> _Records shown_
· · ·
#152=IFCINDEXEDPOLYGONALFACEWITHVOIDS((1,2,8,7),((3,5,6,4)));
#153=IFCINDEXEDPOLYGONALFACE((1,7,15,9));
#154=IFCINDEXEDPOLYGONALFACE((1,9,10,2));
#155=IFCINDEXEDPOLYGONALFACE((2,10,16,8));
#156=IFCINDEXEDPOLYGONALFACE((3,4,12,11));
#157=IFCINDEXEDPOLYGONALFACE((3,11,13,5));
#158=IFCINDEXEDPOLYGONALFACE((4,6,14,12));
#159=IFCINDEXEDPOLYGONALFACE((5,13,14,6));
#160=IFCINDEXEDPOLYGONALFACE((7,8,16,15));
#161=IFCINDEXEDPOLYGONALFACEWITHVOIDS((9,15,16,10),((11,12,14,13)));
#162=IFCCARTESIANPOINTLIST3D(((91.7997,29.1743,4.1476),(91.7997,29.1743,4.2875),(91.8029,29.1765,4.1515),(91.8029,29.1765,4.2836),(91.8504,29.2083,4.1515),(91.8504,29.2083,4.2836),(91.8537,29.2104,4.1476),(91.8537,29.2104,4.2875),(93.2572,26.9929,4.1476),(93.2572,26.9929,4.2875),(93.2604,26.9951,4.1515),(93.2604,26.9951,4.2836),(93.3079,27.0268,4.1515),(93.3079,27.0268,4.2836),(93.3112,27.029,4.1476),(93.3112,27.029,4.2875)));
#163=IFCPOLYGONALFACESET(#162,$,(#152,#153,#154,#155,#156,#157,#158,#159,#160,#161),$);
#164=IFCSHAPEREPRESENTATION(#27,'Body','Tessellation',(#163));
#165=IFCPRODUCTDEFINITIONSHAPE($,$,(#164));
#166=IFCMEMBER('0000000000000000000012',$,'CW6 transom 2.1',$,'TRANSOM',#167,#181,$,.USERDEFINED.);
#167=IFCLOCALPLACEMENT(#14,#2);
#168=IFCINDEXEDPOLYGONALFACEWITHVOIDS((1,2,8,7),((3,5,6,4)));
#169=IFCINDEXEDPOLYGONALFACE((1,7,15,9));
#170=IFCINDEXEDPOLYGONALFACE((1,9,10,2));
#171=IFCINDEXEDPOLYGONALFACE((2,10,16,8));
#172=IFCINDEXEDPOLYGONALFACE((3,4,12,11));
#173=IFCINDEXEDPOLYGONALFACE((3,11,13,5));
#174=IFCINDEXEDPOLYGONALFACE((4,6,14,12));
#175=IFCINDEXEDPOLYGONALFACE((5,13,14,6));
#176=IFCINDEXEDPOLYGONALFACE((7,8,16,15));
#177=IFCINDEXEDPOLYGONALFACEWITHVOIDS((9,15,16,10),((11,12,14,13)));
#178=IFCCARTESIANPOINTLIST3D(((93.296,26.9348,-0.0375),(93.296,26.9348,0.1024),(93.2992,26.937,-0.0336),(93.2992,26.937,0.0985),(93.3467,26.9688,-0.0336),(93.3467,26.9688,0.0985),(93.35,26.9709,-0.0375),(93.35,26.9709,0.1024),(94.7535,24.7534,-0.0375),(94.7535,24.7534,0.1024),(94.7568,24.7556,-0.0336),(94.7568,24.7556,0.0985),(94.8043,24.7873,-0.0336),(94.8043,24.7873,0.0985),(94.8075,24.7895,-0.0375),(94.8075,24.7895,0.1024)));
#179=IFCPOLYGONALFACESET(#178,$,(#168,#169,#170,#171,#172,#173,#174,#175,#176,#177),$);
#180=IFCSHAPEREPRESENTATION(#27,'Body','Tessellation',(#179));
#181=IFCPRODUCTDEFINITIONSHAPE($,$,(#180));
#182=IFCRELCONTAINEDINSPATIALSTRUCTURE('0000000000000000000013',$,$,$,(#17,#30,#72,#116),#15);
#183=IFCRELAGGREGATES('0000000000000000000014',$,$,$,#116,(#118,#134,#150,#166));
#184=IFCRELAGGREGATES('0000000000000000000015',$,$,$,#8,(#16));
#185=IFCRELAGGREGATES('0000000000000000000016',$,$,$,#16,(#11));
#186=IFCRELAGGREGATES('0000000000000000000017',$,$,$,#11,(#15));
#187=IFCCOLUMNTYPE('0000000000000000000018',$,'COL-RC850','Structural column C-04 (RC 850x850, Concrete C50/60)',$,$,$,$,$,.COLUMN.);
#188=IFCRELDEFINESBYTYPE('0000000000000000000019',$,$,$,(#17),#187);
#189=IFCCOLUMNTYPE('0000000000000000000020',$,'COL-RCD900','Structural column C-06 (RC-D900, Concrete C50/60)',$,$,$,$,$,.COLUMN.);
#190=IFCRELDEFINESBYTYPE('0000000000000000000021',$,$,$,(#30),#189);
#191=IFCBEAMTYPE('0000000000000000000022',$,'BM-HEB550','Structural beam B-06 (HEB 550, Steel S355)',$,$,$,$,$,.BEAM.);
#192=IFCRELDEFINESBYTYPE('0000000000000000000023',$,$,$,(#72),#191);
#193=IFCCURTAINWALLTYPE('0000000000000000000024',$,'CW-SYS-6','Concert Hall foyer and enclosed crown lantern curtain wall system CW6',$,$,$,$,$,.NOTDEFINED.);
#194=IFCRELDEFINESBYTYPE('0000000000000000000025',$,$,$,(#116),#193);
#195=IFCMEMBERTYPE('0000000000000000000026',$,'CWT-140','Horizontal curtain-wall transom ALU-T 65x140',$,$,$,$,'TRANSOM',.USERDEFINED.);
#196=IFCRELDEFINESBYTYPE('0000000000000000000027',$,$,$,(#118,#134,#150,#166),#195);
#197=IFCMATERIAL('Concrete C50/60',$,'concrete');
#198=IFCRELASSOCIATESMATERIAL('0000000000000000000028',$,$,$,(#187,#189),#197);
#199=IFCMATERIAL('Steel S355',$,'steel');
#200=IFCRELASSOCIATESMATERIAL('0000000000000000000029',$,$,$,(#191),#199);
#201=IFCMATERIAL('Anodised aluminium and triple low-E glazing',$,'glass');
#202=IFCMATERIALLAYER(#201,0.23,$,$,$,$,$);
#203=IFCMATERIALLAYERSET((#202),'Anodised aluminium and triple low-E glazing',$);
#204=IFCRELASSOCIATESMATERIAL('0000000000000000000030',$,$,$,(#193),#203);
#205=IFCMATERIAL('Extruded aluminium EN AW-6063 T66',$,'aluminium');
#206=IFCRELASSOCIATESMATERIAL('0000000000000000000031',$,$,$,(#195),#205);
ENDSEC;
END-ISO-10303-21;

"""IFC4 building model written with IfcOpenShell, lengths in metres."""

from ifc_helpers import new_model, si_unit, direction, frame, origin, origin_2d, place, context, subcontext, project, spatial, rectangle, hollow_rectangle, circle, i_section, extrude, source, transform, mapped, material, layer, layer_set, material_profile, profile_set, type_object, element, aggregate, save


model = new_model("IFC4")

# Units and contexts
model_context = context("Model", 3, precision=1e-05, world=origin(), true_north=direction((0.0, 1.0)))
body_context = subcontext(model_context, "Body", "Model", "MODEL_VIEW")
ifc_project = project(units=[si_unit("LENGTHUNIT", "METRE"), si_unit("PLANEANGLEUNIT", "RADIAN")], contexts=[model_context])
· · ·
> _Activity_
Set every line of the data down again, word for word.

> _Answer section_
#152=IFCINDEXEDPOLYGONALFACEWITHVOIDS((1,2,8,7),((3,5,6,4)));
#153=IFCINDEXEDPOLYGONALFACE((1,7,15,9));
#154=IFCINDEXEDPOLYGONALFACE((1,9,10,2));
#155=IFCINDEXEDPOLYGONALFACE((2,10,16,8));
#156=IFCINDEXEDPOLYGONALFACE((3,4,12,11));
#157=IFCINDEXEDPOLYGONALFACE((3,11,13,5));
#158=IFCINDEXEDPOLYGONALFACE((4,6,14,12));
#159=IFCINDEXEDPOLYGONALFACE((5,13,14,6));
#160=IFCINDEXEDPOLYGONALFACE((7,8,16,15));
#161=IFCINDEXEDPOLYGONALFACEWITHVOIDS((9,15,16,10),((11,12,14,13)));
#162=IFCCARTESIANPOINTLIST3D(((91.7997,29.1743,4.1476),(91.7997,29.1743,4.2875),(91.8029,29.1765,4.1515),(91.8029,29.1765,4.2836),(91.8504,29.2083,4.1515),(91.8504,29.2083,4.2836),(91.8537,29.2104,4.1476),(91.8537,29.2104,4.2875),(93.2572,26.9929,4.1476),(93.2572,26.9929,4.2875),(93.2604,26.9951,4.1515),(93.2604,26.9951,4.2836),(93.3079,27.0268,4.1515),(93.3079,27.0268,4.2836),(93.3112,27.029,4.1476),(93.3112,27.029,4.2875)));
#163=IFCPOLYGONALFACESET(#162,$,(#152,#153,#154,#155,#156,#157,#158,#159,#160,#161),$);
#164=IFCSHAPEREPRESENTATION(#27,'Body','Tessellation',(#163));
#165=IFCPRODUCTDEFINITIONSHAPE($,$,(#164));
#166=IFCMEMBER('0000000000000000000012',$,'CW6 transom 2.1',$,'TRANSOM',#167,#181,$,.USERDEFINED.);
#167=IFCLOCALPLACEMENT(#14,#2);
#168=IFCINDEXEDPOLYGONALFACEWITHVOIDS((1,2,8,7),((3,5,6,4)));
#169=IFCINDEXEDPOLYGONALFACE((1,7,15,9));
#170=IFCINDEXEDPOLYGONALFACE((1,9,10,2));
#171=IFCINDEXEDPOLYGONALFACE((2,10,16,8));
#172=IFCINDEXEDPOLYGONALFACE((3,4,12,11));
#173=IFCINDEXEDPOLYGONALFACE((3,11,13,5));
#174=IFCINDEXEDPOLYGONALFACE((4,6,14,12));
#175=IFCINDEXEDPOLYGONALFACE((5,13,14,6));
#176=IFCINDEXEDPOLYGONALFACE((7,8,16,15));
#177=IFCINDEXEDPOLYGONALFACEWITHVOIDS((9,15,16,10),((11,12,14,13)));
#178=IFCCARTESIANPOINTLIST3D(((93.296,26.9348,-0.0375),(93.296,26.9348,0.1024),(93.2992,26.937,-0.0336),(93.2992,26.937,0.0985),(93.3467,26.9688,-0.0336),(93.3467,26.9688,0.0985),(93.35,26.9709,-0.0375),(93.35,26.9709,0.1024),(94.7535,24.7534,-0.0375),(94.7535,24.7534,0.1024),(94.7568,24.7556,-0.0336),(94.7568,24.7556,0.0985),(94.8043,24.7873,-0.0336),(94.8043,24.7873,0.0985),(94.8075,24.7895,-0.0375),(94.8075,24.7895,0.1024)));
#179=IFCPOLYGONALFACESET(#178,$,(#168,#169,#170,#171,#172,#173,#174,#175,#176,#177),$);
#180=IFCSHAPEREPRESENTATION(#27,'Body','Tessellation',(#179));
#181=IFCPRODUCTDEFINITIONSHAPE($,$,(#180));
#182=IFCRELCONTAINEDINSPATIALSTRUCTURE('0000000000000000000013',$,$,$,(#17,#30,#72,#116),#15);
#183=IFCRELAGGREGATES('0000000000000000000014',$,$,$,#116,(#118,#134,#150,#166));
#184=IFCRELAGGREGATES('0000000000000000000015',$,$,$,#8,(#16));
#185=IFCRELAGGREGATES('0000000000000000000016',$,$,$,#16,(#11));
#186=IFCRELAGGREGATES('0000000000000000000017',$,$,$,#11,(#15));
#187=IFCCOLUMNTYPE('0000000000000000000018',$,'COL-RC850','Structural column C-04 (RC 850x850, Concrete C50/60)',$,$,$,$,$,.COLUMN.);
#188=IFCRELDEFINESBYTYPE('0000000000000000000019',$,$,$,(#17),#187);
#189=IFCCOLUMNTYPE('0000000000000000000020',$,'COL-RCD900','Structural column C-06 (RC-D900, Concrete C50/60)',$,$,$,$,$,.COLUMN.);
#190=IFCRELDEFINESBYTYPE('0000000000000000000021',$,$,$,(#30),#189);
#191=IFCBEAMTYPE('0000000000000000000022',$,'BM-HEB550','Structural beam B-06 (HEB 550, Steel S355)',$,$,$,$,$,.BEAM.);
#192=IFCRELDEFINESBYTYPE('0000000000000000000023',$,$,$,(#72),#191);
#193=IFCCURTAINWALLTYPE('0000000000000000000024',$,'CW-SYS-6','Concert Hall foyer and enclosed crown lantern curtain wall system CW6',$,$,$,$,$,.NOTDEFINED.);
#194=IFCRELDEFINESBYTYPE('0000000000000000000025',$,$,$,(#116),#193);
#195=IFCMEMBERTYPE('0000000000000000000026',$,'CWT-140','Horizontal curtain-wall transom ALU-T 65x140',$,$,$,$,'TRANSOM',.USERDEFINED.);
#196=IFCRELDEFINESBYTYPE('0000000000000000000027',$,$,$,(#118,#134,#150,#166),#195);
#197=IFCMATERIAL('Concrete C50/60',$,'concrete');
#198=IFCRELASSOCIATESMATERIAL('0000000000000000000028',$,$,$,(#187,#189),#197);
#199=IFCMATERIAL('Steel S355',$,'steel');
#200=IFCRELASSOCIATESMATERIAL('0000000000000000000029',$,$,$,(#191),#199);
#201=IFCMATERIAL('Anodised aluminium and triple low-E glazing',$,'glass');
#202=IFCMATERIALLAYER(#201,0.23,$,$,$,$,$);
#203=IFCMATERIALLAYERSET((#202),'Anodised aluminium and triple low-E glazing',$);
#204=IFCRELASSOCIATESMATERIAL('0000000000000000000030',$,$,$,(#193),#203);
#205=IFCMATERIAL('Extruded aluminium EN AW-6063 T66',$,'aluminium');
#206=IFCRELASSOCIATESMATERIAL('0000000000000000000031',$,$,$,(#195),#205);
ENDSEC;
END-ISO-10303-21;

"""IFC4 building model written with IfcOpenShell, lengths in metres."""

from ifc_helpers import new_model, si_unit, direction, frame, origin, origin_2d, place, context, subcontext, project, spatial, rectangle, hollow_rectangle, circle, i_section, extrude, source, transform, mapped, material, layer, layer_set, material_profile, profile_set, type_object, element, aggregate, save


model = new_model("IFC4")

# Units and contexts
model_context = context("Model", 3, precision=1e-05, world=origin(), true_north=direction((0.0, 1.0)))
body_context = subcontext(model_context, "Body", "Model", "MODEL_VIEW")
ifc_project = project(units=[si_unit("LENGTHUNIT", "METRE"), si_unit("PLANEANGLEUNIT", "RADIAN")], contexts=[model_context])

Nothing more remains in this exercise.